▸ **Exercise brief**:
Quote exactly, and only, the lines of the material below from the line with "#179=IFCINDEXEDPOLYGONALFACE((19,23,24,20));" through the line with "#189=IFCCOLUMNTYPE('0000000000000000000022',$,'T1 RING COLUMN".

▸ **Supplied data**:
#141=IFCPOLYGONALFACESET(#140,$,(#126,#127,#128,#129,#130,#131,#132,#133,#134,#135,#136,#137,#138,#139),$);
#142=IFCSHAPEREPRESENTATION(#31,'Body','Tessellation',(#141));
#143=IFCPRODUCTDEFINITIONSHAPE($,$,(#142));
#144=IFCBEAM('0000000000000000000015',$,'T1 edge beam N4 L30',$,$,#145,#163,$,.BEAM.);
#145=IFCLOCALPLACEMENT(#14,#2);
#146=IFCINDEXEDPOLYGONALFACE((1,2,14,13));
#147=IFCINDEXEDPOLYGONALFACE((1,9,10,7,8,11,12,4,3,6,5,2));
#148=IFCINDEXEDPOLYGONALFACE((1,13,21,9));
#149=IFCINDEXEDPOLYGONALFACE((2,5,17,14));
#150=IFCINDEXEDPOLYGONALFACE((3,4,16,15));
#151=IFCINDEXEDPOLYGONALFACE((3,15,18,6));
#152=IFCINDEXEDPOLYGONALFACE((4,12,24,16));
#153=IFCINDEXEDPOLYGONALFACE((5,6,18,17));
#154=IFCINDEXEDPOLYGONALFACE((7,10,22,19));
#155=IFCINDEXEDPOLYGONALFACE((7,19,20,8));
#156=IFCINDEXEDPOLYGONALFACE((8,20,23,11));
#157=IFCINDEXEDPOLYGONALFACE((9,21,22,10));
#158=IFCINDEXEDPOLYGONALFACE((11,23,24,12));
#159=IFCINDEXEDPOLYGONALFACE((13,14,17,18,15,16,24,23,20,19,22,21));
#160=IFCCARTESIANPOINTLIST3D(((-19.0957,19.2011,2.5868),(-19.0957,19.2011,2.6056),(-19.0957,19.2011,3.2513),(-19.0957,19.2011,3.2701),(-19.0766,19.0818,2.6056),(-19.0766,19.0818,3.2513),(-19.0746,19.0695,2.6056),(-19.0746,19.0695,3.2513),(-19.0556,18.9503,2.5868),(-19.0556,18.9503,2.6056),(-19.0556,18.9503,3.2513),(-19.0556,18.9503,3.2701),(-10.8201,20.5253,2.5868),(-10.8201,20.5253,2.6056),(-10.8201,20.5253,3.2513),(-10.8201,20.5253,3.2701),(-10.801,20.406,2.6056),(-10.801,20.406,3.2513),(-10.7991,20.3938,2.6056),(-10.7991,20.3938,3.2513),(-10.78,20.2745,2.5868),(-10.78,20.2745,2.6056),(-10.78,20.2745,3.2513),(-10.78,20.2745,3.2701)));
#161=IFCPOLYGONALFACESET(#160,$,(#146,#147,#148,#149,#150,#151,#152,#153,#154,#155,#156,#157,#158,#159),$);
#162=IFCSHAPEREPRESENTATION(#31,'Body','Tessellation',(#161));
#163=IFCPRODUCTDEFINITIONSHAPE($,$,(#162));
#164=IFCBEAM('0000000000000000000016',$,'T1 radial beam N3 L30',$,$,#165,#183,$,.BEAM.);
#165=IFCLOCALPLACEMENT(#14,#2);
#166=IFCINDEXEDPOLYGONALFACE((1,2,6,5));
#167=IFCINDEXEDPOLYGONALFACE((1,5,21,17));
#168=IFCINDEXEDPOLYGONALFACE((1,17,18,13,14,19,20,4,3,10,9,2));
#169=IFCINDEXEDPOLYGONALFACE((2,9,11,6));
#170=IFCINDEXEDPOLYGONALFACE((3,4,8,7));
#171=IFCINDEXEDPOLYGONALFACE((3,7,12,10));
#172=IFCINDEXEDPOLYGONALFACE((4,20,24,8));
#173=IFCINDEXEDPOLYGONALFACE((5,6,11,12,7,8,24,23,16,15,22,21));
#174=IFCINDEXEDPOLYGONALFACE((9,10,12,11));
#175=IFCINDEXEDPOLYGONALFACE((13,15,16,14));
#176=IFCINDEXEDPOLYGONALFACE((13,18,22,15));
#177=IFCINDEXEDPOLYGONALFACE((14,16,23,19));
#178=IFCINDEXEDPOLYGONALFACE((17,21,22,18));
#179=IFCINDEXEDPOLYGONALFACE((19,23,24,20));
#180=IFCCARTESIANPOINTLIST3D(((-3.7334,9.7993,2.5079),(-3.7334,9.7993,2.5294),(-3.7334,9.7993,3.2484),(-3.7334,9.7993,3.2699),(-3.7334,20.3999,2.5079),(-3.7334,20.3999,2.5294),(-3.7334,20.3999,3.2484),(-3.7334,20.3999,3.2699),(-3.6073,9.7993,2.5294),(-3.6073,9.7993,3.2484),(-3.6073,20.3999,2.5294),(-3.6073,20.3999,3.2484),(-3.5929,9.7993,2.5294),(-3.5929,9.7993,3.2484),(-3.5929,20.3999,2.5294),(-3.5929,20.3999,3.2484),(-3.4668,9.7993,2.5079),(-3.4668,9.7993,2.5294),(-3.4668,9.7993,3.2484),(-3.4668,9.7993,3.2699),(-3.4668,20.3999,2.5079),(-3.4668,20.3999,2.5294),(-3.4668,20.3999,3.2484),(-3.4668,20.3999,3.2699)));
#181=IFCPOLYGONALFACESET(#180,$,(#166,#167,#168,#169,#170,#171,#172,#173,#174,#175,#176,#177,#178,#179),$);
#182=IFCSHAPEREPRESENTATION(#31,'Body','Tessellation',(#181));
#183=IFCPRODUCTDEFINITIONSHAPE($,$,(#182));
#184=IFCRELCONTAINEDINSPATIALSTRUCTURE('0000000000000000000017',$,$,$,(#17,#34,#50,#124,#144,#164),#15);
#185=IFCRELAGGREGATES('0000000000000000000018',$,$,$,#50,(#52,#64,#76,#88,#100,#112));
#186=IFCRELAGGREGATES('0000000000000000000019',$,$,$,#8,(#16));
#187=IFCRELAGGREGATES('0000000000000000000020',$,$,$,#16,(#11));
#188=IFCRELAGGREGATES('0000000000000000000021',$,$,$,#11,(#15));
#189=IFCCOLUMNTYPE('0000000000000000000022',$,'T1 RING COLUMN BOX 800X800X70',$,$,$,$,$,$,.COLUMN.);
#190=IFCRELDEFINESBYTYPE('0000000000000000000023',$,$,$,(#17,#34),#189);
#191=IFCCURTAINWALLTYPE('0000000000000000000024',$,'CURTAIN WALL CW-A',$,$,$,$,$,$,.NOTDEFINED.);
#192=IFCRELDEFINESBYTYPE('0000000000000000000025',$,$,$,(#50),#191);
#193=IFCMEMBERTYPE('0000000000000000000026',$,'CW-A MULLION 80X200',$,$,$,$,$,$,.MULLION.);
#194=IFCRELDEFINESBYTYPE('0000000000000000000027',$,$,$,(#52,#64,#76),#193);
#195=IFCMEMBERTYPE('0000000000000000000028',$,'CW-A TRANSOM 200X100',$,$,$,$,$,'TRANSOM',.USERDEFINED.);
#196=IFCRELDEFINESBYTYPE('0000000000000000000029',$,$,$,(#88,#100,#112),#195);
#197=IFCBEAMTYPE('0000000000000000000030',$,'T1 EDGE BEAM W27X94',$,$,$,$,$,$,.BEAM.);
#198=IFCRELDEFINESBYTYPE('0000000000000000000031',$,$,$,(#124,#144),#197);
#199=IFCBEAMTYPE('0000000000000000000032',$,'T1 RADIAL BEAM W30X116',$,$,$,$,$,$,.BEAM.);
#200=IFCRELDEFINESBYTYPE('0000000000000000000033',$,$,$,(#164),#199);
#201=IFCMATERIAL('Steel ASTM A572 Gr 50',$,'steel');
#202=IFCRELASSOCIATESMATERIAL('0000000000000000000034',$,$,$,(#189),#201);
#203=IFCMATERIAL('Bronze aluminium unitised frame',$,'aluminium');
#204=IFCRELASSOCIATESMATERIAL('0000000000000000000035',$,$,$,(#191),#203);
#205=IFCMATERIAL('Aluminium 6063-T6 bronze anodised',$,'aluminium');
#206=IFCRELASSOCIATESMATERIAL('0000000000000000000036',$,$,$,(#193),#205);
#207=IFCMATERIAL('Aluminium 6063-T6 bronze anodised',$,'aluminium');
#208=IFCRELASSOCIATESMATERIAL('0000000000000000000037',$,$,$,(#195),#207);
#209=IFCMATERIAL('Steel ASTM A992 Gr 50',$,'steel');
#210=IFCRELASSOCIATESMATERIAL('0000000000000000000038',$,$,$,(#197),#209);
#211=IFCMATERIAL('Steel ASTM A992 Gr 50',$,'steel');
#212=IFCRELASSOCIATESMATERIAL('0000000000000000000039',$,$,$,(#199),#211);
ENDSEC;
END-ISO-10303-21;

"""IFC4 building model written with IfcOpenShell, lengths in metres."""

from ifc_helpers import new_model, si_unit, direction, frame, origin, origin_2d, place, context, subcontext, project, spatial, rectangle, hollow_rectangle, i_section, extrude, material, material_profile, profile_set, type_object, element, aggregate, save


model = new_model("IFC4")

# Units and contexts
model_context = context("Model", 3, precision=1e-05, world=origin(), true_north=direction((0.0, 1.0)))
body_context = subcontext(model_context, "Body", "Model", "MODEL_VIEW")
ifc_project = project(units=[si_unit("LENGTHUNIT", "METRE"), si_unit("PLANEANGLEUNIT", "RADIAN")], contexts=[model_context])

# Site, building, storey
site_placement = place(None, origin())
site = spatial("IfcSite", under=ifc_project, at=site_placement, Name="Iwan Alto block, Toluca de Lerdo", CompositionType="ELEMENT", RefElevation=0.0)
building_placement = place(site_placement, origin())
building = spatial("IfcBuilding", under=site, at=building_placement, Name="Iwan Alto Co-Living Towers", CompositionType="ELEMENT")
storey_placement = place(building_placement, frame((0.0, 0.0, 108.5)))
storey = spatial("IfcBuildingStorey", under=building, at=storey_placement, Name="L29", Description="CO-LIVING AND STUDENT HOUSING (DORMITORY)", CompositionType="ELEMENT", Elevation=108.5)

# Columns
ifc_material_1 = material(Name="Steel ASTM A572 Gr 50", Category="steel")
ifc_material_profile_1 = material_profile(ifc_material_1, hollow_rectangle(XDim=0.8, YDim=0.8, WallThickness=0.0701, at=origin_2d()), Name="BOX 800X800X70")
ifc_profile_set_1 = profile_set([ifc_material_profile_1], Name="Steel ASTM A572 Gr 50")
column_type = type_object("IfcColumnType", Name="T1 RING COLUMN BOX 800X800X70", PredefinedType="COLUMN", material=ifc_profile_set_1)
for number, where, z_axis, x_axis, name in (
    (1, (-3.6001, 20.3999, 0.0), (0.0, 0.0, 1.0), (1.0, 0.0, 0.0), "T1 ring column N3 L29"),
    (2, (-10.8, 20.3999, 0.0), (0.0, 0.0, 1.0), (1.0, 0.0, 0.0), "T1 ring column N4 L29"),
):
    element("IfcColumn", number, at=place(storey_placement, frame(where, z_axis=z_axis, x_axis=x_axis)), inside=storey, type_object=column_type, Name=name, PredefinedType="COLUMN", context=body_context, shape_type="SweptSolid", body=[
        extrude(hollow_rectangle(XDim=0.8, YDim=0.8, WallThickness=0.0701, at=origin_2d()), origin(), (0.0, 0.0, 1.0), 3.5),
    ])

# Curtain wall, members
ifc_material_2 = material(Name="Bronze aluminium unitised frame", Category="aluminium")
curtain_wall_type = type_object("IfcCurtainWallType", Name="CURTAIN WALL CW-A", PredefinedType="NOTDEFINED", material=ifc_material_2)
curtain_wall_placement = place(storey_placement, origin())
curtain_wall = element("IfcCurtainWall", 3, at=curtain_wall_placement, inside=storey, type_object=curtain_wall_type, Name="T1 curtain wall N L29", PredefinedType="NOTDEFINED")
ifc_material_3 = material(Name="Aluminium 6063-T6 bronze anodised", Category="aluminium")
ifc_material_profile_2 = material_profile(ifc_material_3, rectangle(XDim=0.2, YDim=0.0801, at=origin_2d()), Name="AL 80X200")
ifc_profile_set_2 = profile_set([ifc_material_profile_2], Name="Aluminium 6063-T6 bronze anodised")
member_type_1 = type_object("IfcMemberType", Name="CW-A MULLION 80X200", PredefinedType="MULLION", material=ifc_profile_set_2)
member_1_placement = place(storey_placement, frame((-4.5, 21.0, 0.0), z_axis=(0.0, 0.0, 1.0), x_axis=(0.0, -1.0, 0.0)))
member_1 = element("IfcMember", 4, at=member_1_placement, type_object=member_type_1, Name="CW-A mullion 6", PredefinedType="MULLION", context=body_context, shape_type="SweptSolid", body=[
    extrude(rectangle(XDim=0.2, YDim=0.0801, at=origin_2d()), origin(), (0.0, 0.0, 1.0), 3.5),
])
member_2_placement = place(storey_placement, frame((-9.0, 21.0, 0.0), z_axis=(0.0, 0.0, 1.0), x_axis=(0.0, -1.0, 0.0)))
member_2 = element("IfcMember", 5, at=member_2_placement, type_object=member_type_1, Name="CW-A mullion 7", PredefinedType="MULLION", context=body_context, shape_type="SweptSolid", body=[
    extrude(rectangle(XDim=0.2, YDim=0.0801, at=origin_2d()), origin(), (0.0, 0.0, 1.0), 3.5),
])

▸ **Response**:
#179=IFCINDEXEDPOLYGONALFACE((19,23,24,20));
#180=IFCCARTESIANPOINTLIST3D(((-3.7334,9.7993,2.5079),(-3.7334,9.7993,2.5294),(-3.7334,9.7993,3.2484),(-3.7334,9.7993,3.2699),(-3.7334,20.3999,2.5079),(-3.7334,20.3999,2.5294),(-3.7334,20.3999,3.2484),(-3.7334,20.3999,3.2699),(-3.6073,9.7993,2.5294),(-3.6073,9.7993,3.2484),(-3.6073,20.3999,2.5294),(-3.6073,20.3999,3.2484),(-3.5929,9.7993,2.5294),(-3.5929,9.7993,3.2484),(-3.5929,20.3999,2.5294),(-3.5929,20.3999,3.2484),(-3.4668,9.7993,2.5079),(-3.4668,9.7993,2.5294),(-3.4668,9.7993,3.2484),(-3.4668,9.7993,3.2699),(-3.4668,20.3999,2.5079),(-3.4668,20.3999,2.5294),(-3.4668,20.3999,3.2484),(-3.4668,20.3999,3.2699)));
#181=IFCPOLYGONALFACESET(#180,$,(#166,#167,#168,#169,#170,#171,#172,#173,#174,#175,#176,#177,#178,#179),$);
#182=IFCSHAPEREPRESENTATION(#31,'Body','Tessellation',(#181));
#183=IFCPRODUCTDEFINITIONSHAPE($,$,(#182));
#184=IFCRELCONTAINEDINSPATIALSTRUCTURE('0000000000000000000017',$,$,$,(#17,#34,#50,#124,#144,#164),#15);
#185=IFCRELAGGREGATES('0000000000000000000018',$,$,$,#50,(#52,#64,#76,#88,#100,#112));
#186=IFCRELAGGREGATES('0000000000000000000019',$,$,$,#8,(#16));
#187=IFCRELAGGREGATES('0000000000000000000020',$,$,$,#16,(#11));
#188=IFCRELAGGREGATES('0000000000000000000021',$,$,$,#11,(#15));
#189=IFCCOLUMNTYPE('0000000000000000000022',$,'T1 RING COLUMN BOX 800X800X70',$,$,$,$,$,$,.COLUMN.);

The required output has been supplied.